== The data

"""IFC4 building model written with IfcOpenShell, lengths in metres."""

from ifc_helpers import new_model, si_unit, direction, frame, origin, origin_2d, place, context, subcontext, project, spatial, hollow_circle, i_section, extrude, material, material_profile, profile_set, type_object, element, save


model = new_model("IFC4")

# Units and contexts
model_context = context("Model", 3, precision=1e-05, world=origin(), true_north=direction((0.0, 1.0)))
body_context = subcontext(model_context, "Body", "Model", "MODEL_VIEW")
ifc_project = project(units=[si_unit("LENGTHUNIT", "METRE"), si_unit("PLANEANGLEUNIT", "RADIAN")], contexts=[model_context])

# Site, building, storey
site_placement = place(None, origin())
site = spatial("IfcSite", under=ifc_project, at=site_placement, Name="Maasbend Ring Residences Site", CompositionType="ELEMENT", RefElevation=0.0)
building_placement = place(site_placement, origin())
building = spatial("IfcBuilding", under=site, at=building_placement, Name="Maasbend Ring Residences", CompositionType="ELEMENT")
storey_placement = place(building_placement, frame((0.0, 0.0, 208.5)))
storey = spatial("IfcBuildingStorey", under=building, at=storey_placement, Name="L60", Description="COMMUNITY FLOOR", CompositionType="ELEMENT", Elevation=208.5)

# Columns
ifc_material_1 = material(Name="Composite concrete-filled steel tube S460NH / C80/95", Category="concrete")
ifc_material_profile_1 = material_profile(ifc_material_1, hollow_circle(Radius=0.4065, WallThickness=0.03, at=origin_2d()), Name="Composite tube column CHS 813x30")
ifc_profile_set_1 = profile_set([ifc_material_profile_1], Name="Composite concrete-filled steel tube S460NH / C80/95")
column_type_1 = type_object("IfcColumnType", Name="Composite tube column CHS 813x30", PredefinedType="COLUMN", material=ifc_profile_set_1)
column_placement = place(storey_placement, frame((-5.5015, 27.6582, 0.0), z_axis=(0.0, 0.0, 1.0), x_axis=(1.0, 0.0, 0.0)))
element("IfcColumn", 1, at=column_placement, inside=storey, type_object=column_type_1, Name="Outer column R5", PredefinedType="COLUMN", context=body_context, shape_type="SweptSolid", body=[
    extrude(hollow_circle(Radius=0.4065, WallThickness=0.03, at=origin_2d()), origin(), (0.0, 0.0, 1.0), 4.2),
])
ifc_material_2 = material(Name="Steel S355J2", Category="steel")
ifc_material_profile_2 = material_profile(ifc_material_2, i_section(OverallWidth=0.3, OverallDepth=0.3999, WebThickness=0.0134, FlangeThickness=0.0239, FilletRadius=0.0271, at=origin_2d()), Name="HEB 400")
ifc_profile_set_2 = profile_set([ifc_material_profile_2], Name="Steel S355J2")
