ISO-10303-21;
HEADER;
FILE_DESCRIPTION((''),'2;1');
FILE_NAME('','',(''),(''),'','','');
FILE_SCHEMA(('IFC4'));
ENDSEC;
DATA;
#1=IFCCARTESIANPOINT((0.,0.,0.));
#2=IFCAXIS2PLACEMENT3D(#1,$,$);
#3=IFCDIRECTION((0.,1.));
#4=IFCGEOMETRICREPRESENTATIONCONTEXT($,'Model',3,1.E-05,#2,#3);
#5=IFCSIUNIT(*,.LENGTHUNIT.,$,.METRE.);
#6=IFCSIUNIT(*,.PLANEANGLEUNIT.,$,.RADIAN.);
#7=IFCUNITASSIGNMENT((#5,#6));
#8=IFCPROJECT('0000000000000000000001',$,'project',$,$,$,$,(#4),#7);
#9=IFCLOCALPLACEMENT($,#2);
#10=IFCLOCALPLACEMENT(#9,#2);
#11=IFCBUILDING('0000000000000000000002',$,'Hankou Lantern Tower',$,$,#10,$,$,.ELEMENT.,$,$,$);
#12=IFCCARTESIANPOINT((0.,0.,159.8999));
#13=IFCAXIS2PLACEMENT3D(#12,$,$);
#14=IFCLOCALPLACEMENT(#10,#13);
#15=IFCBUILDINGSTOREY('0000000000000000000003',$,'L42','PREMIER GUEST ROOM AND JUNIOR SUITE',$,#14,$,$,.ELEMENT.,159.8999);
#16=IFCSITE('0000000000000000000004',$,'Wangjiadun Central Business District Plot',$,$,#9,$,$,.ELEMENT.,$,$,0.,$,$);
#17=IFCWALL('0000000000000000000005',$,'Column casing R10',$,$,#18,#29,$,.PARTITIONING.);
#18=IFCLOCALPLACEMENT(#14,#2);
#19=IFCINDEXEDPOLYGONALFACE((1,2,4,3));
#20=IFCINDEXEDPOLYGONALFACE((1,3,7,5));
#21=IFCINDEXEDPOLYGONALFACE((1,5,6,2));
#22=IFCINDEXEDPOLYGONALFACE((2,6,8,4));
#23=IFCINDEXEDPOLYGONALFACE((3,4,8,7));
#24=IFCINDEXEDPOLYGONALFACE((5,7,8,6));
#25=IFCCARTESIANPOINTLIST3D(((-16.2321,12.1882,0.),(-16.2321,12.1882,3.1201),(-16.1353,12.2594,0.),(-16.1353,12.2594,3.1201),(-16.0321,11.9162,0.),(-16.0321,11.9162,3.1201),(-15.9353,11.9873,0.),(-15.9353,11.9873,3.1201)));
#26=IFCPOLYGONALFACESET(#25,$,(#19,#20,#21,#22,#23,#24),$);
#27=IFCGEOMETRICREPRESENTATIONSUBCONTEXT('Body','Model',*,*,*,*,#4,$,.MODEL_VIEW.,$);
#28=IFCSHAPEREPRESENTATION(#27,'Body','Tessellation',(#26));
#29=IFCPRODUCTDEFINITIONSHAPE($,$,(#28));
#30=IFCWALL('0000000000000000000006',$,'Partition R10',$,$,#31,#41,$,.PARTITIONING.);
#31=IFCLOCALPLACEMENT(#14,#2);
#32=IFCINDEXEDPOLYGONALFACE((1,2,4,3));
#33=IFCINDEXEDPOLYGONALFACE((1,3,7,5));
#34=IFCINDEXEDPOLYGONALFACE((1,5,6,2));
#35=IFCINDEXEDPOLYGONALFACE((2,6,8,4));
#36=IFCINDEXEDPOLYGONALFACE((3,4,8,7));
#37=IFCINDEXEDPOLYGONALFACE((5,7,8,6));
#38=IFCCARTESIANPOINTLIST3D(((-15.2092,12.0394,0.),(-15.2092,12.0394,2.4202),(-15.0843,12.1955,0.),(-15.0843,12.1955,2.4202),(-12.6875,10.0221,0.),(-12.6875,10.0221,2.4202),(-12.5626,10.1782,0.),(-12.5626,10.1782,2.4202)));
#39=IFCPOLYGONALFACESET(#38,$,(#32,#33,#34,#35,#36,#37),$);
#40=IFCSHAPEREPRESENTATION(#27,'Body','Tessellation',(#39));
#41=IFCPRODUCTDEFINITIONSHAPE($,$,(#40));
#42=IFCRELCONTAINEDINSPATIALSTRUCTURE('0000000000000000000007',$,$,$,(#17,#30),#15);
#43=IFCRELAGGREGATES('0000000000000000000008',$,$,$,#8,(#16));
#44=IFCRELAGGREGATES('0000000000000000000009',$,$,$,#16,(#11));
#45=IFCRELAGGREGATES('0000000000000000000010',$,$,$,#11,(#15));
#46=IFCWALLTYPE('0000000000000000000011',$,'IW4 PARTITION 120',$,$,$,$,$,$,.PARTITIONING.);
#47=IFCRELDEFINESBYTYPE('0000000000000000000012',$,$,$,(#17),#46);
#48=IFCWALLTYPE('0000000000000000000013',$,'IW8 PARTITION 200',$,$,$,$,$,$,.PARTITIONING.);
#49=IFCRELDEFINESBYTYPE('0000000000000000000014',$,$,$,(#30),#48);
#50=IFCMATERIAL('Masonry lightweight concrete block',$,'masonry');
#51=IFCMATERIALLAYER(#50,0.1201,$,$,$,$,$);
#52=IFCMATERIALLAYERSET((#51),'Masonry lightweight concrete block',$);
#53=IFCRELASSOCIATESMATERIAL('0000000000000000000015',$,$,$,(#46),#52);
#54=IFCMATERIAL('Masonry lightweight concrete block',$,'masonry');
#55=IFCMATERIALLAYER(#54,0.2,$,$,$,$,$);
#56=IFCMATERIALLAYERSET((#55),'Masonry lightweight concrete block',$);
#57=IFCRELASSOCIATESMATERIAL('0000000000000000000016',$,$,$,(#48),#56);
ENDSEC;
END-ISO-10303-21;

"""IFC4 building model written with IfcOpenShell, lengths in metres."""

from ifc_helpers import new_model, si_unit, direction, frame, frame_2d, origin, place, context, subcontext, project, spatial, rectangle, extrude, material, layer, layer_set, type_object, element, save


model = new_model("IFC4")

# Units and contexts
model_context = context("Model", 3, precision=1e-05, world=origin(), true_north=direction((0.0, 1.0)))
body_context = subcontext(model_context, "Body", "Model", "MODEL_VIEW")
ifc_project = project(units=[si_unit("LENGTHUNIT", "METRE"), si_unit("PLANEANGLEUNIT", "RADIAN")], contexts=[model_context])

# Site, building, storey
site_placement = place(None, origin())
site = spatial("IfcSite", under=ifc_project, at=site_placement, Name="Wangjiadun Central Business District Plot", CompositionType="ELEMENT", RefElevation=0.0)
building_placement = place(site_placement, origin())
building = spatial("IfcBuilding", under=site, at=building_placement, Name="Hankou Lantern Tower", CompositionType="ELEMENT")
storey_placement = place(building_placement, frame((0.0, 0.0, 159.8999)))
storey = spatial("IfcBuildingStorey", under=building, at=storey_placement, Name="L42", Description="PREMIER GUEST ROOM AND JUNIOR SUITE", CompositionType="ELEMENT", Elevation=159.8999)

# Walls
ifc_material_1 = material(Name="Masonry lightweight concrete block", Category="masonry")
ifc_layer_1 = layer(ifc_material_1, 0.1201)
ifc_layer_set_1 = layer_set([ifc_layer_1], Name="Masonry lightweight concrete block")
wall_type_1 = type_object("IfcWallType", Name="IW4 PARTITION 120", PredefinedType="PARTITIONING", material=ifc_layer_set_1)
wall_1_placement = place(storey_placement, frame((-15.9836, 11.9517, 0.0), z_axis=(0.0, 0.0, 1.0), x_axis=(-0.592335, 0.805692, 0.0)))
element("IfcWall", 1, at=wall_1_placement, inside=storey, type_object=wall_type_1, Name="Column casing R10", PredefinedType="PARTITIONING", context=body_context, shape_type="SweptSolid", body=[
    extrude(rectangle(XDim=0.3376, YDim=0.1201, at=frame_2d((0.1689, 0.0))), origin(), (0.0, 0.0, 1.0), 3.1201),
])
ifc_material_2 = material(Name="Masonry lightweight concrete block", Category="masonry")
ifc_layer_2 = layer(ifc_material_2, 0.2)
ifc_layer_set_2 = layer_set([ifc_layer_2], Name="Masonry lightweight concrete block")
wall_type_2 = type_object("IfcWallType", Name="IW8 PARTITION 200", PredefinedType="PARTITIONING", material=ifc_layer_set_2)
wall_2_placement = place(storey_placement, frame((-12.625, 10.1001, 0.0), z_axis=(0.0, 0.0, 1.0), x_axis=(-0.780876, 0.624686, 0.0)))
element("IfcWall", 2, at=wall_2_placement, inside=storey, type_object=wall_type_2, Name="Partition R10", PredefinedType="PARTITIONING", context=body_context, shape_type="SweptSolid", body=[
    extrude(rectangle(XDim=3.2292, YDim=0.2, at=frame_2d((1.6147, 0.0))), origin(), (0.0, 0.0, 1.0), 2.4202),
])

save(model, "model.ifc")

====
== The data

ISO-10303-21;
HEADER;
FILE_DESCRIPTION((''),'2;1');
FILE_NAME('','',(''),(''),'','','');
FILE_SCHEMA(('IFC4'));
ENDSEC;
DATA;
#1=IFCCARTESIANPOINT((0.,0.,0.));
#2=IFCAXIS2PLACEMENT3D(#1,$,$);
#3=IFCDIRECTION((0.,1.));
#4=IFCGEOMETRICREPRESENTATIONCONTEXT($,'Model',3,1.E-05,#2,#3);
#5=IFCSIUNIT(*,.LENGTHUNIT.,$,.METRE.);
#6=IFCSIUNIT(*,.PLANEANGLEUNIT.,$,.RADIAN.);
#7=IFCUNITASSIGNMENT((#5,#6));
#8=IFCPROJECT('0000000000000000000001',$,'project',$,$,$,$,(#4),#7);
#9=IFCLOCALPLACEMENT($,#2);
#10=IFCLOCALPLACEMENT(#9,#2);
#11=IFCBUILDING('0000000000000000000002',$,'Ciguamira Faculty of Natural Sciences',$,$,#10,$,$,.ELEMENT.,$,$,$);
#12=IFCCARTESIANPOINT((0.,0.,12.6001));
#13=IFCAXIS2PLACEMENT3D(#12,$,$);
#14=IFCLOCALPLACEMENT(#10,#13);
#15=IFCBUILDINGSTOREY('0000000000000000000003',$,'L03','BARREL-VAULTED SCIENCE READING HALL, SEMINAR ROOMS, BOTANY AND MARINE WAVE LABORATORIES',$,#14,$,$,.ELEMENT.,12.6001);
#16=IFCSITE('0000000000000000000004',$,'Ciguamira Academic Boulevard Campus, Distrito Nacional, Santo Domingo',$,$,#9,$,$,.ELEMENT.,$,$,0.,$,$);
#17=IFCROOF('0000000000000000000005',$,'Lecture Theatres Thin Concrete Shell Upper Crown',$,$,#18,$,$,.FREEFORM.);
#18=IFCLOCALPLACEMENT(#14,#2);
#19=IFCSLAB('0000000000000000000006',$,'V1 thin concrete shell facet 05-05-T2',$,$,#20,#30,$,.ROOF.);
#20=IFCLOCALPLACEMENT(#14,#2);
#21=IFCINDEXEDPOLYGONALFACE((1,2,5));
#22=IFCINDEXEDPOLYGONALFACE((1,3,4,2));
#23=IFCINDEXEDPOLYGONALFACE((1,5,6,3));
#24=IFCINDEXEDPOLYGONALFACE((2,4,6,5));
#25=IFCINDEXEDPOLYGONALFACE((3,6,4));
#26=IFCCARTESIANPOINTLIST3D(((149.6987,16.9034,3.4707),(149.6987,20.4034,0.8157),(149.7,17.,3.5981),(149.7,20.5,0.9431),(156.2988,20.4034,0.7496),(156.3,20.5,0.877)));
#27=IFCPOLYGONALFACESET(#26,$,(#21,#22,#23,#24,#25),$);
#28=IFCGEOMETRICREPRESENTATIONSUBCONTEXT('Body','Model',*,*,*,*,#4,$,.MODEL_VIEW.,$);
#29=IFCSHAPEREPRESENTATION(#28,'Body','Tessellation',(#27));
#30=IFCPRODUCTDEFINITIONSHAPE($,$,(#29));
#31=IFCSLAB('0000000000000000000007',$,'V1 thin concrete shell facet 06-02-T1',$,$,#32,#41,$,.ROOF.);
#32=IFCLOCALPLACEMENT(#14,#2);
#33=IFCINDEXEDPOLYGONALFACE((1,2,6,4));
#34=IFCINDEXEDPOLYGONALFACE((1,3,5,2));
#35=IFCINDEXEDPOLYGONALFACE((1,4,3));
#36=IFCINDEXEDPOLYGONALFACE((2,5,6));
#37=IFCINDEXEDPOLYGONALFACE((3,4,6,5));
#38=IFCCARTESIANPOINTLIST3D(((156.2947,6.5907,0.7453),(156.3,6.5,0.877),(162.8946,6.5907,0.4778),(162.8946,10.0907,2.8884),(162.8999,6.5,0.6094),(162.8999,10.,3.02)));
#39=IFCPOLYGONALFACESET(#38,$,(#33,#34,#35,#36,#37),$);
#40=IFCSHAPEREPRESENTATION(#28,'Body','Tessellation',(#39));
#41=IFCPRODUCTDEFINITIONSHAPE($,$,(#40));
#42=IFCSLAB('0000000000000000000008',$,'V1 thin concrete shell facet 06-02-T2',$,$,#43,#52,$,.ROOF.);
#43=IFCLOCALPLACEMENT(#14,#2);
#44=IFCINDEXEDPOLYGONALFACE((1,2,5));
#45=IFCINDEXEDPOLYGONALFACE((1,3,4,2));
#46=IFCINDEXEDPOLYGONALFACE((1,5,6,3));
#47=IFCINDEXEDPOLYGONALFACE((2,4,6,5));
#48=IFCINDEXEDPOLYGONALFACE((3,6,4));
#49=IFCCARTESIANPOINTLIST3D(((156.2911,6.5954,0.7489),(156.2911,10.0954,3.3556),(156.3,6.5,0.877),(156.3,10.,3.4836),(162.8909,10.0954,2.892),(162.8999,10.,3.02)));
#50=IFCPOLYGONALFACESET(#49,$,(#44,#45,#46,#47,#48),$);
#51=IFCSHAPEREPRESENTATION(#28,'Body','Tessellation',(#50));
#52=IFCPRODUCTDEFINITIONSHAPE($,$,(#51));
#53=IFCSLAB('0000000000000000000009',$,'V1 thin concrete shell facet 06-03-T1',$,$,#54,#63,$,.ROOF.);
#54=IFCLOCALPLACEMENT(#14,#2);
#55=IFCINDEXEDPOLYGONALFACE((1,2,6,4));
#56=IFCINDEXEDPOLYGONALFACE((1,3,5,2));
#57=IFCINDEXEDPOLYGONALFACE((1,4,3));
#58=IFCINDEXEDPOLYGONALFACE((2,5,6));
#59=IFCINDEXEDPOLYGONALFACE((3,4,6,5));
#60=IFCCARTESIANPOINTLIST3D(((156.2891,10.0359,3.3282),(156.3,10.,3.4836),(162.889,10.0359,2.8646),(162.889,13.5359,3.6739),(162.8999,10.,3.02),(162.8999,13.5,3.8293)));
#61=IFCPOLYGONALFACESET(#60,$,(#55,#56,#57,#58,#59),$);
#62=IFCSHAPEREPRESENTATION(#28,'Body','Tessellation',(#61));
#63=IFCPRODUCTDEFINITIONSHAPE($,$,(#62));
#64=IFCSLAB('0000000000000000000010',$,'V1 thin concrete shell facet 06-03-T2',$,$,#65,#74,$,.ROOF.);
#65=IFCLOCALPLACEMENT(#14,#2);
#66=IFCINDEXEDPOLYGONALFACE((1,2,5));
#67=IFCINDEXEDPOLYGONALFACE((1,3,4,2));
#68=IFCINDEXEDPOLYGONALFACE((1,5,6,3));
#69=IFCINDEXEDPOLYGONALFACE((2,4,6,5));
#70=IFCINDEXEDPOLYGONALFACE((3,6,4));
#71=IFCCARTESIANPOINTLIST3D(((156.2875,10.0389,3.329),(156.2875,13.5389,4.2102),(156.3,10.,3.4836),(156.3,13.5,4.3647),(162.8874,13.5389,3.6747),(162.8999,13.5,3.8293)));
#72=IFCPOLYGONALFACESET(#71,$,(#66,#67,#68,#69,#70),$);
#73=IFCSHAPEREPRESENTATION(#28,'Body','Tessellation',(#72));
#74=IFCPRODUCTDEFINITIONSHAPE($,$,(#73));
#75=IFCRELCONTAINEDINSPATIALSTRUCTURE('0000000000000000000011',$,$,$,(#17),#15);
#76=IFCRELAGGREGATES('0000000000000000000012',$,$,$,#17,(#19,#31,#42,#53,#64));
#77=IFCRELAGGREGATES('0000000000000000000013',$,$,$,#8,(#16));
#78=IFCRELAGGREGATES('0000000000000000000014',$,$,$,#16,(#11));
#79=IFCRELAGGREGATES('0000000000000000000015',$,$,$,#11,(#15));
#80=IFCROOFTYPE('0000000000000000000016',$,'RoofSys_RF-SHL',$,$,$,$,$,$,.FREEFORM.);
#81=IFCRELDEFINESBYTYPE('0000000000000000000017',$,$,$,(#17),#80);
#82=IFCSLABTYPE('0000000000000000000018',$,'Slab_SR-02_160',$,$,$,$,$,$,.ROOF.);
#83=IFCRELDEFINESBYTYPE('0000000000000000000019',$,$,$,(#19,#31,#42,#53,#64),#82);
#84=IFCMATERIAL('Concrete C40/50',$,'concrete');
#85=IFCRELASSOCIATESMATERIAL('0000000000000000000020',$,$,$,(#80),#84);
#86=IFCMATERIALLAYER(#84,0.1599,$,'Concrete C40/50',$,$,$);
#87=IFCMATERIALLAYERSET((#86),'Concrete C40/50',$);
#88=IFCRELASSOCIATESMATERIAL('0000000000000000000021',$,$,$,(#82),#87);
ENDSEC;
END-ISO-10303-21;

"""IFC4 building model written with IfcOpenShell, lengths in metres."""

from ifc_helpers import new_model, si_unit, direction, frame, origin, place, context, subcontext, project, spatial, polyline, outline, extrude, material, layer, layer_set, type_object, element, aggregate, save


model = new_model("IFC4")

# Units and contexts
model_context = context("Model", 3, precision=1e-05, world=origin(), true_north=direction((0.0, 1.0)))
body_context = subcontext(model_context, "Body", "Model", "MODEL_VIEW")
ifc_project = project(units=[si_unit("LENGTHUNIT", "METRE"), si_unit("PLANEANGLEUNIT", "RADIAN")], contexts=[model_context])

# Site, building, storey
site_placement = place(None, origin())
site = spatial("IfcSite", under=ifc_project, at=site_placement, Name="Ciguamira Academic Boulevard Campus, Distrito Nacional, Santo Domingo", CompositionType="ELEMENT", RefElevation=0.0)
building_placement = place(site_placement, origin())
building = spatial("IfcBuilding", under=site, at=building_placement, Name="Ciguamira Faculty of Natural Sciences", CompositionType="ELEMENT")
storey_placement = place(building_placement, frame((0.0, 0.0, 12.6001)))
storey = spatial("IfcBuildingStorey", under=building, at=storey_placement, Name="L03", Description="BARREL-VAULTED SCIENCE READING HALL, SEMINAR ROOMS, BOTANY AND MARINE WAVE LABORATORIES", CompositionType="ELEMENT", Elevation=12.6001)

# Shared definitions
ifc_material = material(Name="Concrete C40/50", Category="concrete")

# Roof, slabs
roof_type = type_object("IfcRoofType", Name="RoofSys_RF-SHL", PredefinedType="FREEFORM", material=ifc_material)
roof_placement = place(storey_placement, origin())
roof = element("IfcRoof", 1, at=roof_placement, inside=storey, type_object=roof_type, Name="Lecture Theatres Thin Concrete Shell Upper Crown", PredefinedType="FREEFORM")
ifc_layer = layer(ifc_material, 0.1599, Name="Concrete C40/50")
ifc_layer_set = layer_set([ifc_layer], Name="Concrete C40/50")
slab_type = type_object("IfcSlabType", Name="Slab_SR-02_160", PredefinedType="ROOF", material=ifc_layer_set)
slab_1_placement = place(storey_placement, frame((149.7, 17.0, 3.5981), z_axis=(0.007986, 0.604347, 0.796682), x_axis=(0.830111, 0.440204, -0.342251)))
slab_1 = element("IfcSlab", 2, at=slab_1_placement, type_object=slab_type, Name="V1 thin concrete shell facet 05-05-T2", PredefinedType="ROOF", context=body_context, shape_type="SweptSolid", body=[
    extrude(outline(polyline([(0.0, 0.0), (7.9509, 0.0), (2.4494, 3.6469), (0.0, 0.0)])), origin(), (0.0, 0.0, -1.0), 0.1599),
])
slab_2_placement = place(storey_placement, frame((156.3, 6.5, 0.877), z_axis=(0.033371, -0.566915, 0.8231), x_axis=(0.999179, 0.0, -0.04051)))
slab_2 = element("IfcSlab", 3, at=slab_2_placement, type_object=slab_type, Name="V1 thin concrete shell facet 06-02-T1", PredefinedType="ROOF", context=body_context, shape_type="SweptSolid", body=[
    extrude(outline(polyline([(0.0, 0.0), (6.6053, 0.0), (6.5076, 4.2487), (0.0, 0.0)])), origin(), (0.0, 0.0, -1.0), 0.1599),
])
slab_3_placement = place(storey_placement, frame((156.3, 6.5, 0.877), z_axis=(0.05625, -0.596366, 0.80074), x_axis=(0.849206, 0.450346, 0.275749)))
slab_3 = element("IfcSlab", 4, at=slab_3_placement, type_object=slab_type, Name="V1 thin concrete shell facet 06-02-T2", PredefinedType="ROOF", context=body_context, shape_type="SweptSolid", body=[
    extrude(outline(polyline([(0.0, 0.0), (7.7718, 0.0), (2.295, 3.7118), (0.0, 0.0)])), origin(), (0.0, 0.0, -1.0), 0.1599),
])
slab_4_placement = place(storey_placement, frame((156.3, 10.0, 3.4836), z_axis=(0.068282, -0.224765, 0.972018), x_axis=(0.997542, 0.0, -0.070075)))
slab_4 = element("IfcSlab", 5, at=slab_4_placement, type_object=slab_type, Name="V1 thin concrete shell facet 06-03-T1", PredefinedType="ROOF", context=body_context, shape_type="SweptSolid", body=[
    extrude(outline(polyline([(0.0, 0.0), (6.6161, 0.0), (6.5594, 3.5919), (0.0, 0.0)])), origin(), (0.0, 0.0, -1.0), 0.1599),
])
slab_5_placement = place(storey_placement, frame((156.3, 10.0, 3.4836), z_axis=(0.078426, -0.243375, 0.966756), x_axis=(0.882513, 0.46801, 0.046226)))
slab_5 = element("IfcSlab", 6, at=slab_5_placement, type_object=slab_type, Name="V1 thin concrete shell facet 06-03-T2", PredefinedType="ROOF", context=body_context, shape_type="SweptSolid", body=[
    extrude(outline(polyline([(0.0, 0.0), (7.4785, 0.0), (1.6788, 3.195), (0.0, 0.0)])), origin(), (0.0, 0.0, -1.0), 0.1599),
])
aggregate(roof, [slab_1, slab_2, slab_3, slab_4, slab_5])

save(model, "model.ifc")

====

Work instructions:
For every line above that has "IFCPRODUCTDEFINITIONSHAPE" in it, copy the line.

Task solution:
#29=IFCPRODUCTDEFINITIONSHAPE($,$,(#28));
#41=IFCPRODUCTDEFINITIONSHAPE($,$,(#40));
#30=IFCPRODUCTDEFINITIONSHAPE($,$,(#29));
#41=IFCPRODUCTDEFINITIONSHAPE($,$,(#40));
#52=IFCPRODUCTDEFINITIONSHAPE($,$,(#51));
#63=IFCPRODUCTDEFINITIONSHAPE($,$,(#62));
#74=IFCPRODUCTDEFINITIONSHAPE($,$,(#73));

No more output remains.